Transcribe the data below verbatim from the line with "#46=IFCINDEXEDPOLYGONALFACE((1,2,4,3));" to the line with "#75=IFCINDEXEDPOLYGONALFACE((5,7,8,6));". Include both of those lines.

## [EXERCISE MATERIALS]
+ + + + + + +

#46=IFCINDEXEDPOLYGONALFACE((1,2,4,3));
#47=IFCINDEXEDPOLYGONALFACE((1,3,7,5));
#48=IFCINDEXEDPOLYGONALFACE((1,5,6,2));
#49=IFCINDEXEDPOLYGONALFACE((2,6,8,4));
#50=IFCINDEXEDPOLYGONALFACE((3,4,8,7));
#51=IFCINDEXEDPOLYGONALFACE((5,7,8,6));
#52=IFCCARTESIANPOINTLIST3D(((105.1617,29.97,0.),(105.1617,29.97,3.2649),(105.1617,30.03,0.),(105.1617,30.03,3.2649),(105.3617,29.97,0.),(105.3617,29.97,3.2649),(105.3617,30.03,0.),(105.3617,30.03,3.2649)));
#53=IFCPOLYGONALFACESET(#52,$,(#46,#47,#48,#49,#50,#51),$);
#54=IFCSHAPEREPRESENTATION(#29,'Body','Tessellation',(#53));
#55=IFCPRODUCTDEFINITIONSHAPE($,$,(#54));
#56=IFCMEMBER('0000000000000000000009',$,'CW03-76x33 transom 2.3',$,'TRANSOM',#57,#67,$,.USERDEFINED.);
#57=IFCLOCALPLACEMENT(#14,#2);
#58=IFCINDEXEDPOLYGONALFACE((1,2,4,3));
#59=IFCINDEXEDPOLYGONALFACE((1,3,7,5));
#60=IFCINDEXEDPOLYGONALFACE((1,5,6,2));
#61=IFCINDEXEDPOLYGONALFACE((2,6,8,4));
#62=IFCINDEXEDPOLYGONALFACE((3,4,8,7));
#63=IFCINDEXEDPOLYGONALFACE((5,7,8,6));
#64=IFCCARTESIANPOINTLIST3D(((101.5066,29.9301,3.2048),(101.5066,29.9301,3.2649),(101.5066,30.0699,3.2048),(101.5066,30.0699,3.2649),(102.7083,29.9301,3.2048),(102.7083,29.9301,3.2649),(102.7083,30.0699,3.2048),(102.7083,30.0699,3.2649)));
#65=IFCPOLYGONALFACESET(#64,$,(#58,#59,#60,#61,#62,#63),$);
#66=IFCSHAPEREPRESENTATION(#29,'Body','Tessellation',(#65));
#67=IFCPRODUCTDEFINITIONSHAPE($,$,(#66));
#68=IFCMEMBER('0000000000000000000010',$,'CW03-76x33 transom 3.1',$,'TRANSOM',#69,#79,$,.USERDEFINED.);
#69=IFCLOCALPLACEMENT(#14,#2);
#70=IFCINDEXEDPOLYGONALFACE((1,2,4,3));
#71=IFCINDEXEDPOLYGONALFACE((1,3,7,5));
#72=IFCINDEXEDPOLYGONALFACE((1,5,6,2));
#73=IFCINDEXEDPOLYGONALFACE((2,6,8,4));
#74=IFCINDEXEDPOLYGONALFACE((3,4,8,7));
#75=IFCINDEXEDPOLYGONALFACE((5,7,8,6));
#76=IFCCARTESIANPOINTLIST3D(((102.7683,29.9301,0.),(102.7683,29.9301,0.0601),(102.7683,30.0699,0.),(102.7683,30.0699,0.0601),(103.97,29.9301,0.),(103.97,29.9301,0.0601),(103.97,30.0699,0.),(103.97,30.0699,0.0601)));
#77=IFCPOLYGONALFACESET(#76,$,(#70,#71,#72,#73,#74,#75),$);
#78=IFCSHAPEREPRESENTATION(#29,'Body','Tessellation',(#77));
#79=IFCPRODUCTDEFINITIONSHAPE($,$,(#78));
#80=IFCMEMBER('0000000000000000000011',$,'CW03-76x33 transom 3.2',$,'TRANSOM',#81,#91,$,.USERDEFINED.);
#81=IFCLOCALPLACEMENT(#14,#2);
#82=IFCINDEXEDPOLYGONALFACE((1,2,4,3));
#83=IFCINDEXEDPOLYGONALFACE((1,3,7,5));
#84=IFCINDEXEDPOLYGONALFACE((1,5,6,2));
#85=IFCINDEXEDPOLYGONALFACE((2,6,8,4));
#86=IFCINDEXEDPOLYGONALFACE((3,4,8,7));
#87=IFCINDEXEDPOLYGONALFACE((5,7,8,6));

+ + + + + + +

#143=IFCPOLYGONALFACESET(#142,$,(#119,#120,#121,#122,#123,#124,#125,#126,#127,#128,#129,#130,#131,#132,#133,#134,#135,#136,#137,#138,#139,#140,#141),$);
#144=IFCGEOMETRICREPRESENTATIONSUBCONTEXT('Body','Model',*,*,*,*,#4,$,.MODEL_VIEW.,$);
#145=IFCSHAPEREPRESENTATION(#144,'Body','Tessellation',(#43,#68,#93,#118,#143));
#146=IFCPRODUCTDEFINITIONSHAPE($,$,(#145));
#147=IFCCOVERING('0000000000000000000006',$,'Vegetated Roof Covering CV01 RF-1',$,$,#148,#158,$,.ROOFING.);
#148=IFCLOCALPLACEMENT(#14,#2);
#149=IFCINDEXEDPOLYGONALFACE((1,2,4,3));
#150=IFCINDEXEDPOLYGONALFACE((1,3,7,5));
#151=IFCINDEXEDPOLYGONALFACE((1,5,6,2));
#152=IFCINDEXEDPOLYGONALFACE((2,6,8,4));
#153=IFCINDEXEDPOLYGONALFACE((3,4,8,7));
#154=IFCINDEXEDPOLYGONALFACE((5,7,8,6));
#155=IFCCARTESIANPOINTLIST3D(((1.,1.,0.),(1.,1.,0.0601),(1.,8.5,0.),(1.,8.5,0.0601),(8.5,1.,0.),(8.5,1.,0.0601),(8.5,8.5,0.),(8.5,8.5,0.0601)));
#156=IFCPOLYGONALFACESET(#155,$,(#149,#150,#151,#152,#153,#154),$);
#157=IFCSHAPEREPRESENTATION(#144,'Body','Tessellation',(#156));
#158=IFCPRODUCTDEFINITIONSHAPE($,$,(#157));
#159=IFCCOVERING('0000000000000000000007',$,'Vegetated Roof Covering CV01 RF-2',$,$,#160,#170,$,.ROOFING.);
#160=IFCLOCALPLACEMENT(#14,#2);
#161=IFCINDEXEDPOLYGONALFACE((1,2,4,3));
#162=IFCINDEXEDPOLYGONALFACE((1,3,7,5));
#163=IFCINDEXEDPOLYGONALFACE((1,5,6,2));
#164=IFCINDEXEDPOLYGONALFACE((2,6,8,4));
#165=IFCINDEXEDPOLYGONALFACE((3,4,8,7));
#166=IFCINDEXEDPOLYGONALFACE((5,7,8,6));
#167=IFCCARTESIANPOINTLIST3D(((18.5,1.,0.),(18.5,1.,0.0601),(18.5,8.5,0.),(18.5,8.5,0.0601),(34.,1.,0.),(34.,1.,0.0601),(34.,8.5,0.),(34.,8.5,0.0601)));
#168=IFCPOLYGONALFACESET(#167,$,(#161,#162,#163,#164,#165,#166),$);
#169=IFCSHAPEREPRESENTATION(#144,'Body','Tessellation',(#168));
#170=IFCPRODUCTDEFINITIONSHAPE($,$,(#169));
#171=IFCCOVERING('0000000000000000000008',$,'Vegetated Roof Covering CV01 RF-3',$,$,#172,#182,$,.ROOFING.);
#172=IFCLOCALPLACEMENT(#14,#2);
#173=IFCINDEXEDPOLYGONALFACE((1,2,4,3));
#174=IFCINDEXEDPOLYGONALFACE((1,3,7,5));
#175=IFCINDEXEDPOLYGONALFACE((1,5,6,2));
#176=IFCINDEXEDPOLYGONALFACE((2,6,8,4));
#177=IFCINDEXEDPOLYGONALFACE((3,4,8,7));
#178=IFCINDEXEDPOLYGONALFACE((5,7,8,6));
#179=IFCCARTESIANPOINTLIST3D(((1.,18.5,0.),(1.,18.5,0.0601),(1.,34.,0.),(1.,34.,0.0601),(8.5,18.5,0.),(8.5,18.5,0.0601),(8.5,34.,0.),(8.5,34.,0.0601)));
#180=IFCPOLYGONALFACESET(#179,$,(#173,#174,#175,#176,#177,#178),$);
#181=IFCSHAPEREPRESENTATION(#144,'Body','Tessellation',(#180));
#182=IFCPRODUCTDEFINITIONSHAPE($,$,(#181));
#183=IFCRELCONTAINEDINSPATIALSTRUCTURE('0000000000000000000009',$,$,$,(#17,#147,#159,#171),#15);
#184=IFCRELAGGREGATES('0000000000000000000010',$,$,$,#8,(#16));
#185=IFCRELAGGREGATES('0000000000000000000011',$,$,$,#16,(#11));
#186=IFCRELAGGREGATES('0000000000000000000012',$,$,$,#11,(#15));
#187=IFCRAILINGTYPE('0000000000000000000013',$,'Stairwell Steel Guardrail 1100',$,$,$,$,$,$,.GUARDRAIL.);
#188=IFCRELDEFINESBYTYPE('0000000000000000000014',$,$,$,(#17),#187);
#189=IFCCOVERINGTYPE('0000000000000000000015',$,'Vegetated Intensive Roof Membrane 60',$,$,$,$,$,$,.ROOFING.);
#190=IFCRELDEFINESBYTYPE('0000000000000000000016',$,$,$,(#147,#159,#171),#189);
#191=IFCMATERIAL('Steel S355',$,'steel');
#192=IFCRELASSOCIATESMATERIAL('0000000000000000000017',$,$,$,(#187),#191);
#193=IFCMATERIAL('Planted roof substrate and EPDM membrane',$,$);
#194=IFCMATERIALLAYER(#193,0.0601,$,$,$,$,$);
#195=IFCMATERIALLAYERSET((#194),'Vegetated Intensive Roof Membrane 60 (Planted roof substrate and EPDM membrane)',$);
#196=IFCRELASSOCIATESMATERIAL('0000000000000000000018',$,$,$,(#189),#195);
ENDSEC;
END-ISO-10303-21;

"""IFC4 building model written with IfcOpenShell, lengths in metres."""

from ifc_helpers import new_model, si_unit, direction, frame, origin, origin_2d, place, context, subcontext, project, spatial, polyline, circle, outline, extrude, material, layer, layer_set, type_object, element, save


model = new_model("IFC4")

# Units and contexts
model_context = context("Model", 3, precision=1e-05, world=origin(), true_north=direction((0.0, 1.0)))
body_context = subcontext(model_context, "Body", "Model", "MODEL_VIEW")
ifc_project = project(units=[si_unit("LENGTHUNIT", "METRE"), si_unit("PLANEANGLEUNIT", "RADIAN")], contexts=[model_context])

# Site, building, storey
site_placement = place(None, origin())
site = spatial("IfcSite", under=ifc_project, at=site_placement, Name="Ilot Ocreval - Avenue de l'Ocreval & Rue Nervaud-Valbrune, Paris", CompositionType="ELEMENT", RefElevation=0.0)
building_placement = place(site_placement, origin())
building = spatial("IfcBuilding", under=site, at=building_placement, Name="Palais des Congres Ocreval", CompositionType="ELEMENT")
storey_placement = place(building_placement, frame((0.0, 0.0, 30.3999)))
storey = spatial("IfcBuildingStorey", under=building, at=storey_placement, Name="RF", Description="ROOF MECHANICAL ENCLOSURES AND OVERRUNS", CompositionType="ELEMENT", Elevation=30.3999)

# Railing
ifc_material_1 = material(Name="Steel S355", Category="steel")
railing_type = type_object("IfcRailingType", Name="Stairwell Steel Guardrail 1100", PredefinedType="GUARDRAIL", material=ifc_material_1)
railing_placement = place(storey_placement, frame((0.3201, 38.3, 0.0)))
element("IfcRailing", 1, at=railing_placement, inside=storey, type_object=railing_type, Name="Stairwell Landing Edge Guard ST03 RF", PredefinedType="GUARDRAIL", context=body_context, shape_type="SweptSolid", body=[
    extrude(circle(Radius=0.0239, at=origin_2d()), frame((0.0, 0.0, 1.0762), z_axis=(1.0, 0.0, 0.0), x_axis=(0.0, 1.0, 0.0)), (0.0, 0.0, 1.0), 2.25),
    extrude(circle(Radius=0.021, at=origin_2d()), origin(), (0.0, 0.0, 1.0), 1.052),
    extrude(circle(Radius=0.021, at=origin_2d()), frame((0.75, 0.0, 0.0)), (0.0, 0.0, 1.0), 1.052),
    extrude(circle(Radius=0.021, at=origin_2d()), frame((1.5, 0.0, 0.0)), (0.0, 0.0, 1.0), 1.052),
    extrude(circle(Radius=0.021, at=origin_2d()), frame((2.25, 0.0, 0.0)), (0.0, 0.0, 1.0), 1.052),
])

+ + + + + + +

## [SOLUTION BELOW]
#46=IFCINDEXEDPOLYGONALFACE((1,2,4,3));
#47=IFCINDEXEDPOLYGONALFACE((1,3,7,5));
#48=IFCINDEXEDPOLYGONALFACE((1,5,6,2));
#49=IFCINDEXEDPOLYGONALFACE((2,6,8,4));
#50=IFCINDEXEDPOLYGONALFACE((3,4,8,7));
#51=IFCINDEXEDPOLYGONALFACE((5,7,8,6));
#52=IFCCARTESIANPOINTLIST3D(((105.1617,29.97,0.),(105.1617,29.97,3.2649),(105.1617,30.03,0.),(105.1617,30.03,3.2649),(105.3617,29.97,0.),(105.3617,29.97,3.2649),(105.3617,30.03,0.),(105.3617,30.03,3.2649)));
#53=IFCPOLYGONALFACESET(#52,$,(#46,#47,#48,#49,#50,#51),$);
#54=IFCSHAPEREPRESENTATION(#29,'Body','Tessellation',(#53));
#55=IFCPRODUCTDEFINITIONSHAPE($,$,(#54));
#56=IFCMEMBER('0000000000000000000009',$,'CW03-76x33 transom 2.3',$,'TRANSOM',#57,#67,$,.USERDEFINED.);
#57=IFCLOCALPLACEMENT(#14,#2);
#58=IFCINDEXEDPOLYGONALFACE((1,2,4,3));
#59=IFCINDEXEDPOLYGONALFACE((1,3,7,5));
#60=IFCINDEXEDPOLYGONALFACE((1,5,6,2));
#61=IFCINDEXEDPOLYGONALFACE((2,6,8,4));
#62=IFCINDEXEDPOLYGONALFACE((3,4,8,7));
#63=IFCINDEXEDPOLYGONALFACE((5,7,8,6));
#64=IFCCARTESIANPOINTLIST3D(((101.5066,29.9301,3.2048),(101.5066,29.9301,3.2649),(101.5066,30.0699,3.2048),(101.5066,30.0699,3.2649),(102.7083,29.9301,3.2048),(102.7083,29.9301,3.2649),(102.7083,30.0699,3.2048),(102.7083,30.0699,3.2649)));
#65=IFCPOLYGONALFACESET(#64,$,(#58,#59,#60,#61,#62,#63),$);
#66=IFCSHAPEREPRESENTATION(#29,'Body','Tessellation',(#65));
#67=IFCPRODUCTDEFINITIONSHAPE($,$,(#66));
#68=IFCMEMBER('0000000000000000000010',$,'CW03-76x33 transom 3.1',$,'TRANSOM',#69,#79,$,.USERDEFINED.);
#69=IFCLOCALPLACEMENT(#14,#2);
#70=IFCINDEXEDPOLYGONALFACE((1,2,4,3));
#71=IFCINDEXEDPOLYGONALFACE((1,3,7,5));
#72=IFCINDEXEDPOLYGONALFACE((1,5,6,2));
#73=IFCINDEXEDPOLYGONALFACE((2,6,8,4));
#74=IFCINDEXEDPOLYGONALFACE((3,4,8,7));
#75=IFCINDEXEDPOLYGONALFACE((5,7,8,6));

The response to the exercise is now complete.